Problem to solve
Your answer should hold every line of the records below that contains the string "PARTITION".

•••

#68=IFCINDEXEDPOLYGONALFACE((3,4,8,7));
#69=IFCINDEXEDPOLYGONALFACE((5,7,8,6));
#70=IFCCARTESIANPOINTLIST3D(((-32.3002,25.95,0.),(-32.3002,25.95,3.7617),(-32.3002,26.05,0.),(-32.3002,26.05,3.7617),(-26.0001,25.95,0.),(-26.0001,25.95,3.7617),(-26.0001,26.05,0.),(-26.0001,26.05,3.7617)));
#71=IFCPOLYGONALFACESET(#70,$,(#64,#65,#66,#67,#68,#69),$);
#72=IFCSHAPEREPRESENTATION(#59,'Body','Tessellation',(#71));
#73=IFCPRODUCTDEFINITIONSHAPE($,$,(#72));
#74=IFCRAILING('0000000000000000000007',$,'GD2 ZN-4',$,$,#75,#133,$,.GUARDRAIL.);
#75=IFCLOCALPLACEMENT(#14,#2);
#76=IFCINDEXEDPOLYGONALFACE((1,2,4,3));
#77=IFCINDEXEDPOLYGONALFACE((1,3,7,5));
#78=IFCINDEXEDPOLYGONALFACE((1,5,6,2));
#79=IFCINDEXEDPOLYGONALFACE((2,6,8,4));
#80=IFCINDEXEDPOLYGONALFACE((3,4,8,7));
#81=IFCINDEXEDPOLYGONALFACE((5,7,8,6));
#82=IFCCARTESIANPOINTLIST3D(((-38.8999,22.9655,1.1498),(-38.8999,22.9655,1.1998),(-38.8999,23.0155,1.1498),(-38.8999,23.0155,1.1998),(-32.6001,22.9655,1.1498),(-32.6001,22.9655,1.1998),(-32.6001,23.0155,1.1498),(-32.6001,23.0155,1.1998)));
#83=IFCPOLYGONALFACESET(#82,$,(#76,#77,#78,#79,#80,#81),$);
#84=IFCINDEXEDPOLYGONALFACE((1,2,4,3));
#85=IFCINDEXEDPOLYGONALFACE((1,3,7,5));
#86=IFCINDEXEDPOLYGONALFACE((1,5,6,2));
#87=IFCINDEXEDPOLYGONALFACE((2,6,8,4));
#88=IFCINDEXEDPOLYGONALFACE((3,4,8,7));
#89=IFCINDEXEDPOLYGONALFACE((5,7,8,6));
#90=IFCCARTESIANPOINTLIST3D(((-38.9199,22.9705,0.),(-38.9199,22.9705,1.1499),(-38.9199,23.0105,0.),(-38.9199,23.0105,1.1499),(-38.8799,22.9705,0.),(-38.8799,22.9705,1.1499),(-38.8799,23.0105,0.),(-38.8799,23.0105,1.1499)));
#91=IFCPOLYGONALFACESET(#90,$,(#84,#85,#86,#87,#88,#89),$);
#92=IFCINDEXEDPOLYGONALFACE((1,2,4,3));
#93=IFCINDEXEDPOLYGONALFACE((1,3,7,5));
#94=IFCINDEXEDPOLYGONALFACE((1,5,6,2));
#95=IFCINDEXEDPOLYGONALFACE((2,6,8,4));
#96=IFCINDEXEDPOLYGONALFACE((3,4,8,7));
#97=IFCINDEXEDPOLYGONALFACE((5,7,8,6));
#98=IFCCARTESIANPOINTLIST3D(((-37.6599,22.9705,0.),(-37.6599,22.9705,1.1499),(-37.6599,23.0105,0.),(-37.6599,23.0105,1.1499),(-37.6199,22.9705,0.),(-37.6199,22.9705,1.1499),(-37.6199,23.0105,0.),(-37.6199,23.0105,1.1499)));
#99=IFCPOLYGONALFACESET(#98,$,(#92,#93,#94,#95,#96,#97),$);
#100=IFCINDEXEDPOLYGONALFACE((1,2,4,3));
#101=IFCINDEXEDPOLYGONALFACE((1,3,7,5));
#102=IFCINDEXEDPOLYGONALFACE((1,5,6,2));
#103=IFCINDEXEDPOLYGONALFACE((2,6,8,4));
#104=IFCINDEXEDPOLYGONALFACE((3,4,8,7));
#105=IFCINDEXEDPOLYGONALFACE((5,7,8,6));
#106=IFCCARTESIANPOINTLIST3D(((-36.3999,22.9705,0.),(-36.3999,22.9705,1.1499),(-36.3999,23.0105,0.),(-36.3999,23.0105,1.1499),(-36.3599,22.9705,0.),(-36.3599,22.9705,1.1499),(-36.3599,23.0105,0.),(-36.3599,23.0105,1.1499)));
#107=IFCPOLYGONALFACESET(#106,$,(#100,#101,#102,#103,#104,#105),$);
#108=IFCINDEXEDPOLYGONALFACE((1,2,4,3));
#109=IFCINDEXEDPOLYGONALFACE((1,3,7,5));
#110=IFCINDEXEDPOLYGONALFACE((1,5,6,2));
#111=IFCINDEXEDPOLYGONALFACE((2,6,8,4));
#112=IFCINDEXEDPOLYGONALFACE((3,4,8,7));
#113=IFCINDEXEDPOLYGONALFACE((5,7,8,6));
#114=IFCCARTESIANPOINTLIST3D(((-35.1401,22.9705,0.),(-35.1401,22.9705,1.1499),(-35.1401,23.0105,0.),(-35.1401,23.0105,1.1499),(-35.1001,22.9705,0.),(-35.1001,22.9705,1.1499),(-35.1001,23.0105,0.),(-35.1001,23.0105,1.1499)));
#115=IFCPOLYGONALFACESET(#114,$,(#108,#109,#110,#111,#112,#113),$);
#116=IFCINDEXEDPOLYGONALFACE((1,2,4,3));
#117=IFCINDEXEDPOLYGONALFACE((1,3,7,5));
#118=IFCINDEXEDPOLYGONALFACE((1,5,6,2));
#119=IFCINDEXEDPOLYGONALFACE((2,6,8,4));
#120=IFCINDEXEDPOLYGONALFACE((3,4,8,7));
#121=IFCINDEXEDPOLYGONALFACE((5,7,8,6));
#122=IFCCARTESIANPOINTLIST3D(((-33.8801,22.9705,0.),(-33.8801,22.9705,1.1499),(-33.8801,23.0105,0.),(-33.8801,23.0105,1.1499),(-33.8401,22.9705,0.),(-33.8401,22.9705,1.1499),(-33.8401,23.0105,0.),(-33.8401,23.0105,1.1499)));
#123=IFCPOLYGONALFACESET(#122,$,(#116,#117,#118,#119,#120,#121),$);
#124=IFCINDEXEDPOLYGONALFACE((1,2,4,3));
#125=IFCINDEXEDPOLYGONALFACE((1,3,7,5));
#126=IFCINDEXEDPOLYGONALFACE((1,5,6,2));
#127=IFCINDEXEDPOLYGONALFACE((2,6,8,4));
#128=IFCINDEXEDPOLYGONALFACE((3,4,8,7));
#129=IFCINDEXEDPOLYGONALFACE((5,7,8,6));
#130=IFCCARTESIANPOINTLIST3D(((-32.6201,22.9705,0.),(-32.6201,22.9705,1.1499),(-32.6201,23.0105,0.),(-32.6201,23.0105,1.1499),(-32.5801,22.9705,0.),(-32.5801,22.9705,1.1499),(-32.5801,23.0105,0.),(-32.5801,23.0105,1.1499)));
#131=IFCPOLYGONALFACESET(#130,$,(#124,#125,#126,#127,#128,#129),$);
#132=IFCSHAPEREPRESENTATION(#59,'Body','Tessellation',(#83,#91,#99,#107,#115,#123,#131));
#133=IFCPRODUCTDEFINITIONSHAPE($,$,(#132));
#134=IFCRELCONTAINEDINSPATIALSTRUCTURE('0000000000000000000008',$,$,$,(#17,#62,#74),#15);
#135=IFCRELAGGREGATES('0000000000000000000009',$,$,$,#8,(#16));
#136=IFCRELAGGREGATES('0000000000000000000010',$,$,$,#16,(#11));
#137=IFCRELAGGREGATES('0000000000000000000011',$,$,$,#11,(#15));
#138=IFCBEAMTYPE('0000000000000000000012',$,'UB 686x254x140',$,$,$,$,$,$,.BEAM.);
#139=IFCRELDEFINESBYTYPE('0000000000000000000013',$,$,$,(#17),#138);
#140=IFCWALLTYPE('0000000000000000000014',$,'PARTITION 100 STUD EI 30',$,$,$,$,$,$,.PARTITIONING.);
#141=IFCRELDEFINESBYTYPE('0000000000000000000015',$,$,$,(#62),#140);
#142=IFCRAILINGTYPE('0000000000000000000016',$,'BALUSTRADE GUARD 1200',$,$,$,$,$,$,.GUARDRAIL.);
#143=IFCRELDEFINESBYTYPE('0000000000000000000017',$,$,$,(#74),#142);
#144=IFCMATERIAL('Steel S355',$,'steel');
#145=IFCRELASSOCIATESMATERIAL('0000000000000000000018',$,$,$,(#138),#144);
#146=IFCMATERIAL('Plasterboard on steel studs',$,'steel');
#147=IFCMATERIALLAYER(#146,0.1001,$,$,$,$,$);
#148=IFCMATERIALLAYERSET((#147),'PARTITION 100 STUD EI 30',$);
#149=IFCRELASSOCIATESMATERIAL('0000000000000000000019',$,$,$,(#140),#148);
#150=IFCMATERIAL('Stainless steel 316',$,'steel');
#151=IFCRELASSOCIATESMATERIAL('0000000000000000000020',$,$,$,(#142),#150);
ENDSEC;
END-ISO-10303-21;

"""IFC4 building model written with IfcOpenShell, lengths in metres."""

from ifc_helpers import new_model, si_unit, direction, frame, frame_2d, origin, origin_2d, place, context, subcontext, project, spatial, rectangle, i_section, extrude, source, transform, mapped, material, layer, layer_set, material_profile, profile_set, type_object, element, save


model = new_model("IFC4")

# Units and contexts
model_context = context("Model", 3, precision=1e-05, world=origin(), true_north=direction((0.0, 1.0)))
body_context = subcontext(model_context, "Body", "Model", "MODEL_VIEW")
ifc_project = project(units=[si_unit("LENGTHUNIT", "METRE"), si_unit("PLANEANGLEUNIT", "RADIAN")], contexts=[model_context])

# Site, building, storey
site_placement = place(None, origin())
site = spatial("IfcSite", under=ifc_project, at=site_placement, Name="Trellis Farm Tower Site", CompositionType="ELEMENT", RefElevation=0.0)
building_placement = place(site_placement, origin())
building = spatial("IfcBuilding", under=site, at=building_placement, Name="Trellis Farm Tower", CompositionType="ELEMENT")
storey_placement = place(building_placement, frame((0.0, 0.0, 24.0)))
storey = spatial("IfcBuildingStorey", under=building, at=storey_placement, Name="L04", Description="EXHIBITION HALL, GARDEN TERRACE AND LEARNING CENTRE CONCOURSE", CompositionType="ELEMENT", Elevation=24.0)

•••

Task answer
#140=IFCWALLTYPE('0000000000000000000014',$,'PARTITION 100 STUD EI 30',$,$,$,$,$,$,.PARTITIONING.);
#148=IFCMATERIALLAYERSET((#147),'PARTITION 100 STUD EI 30',$);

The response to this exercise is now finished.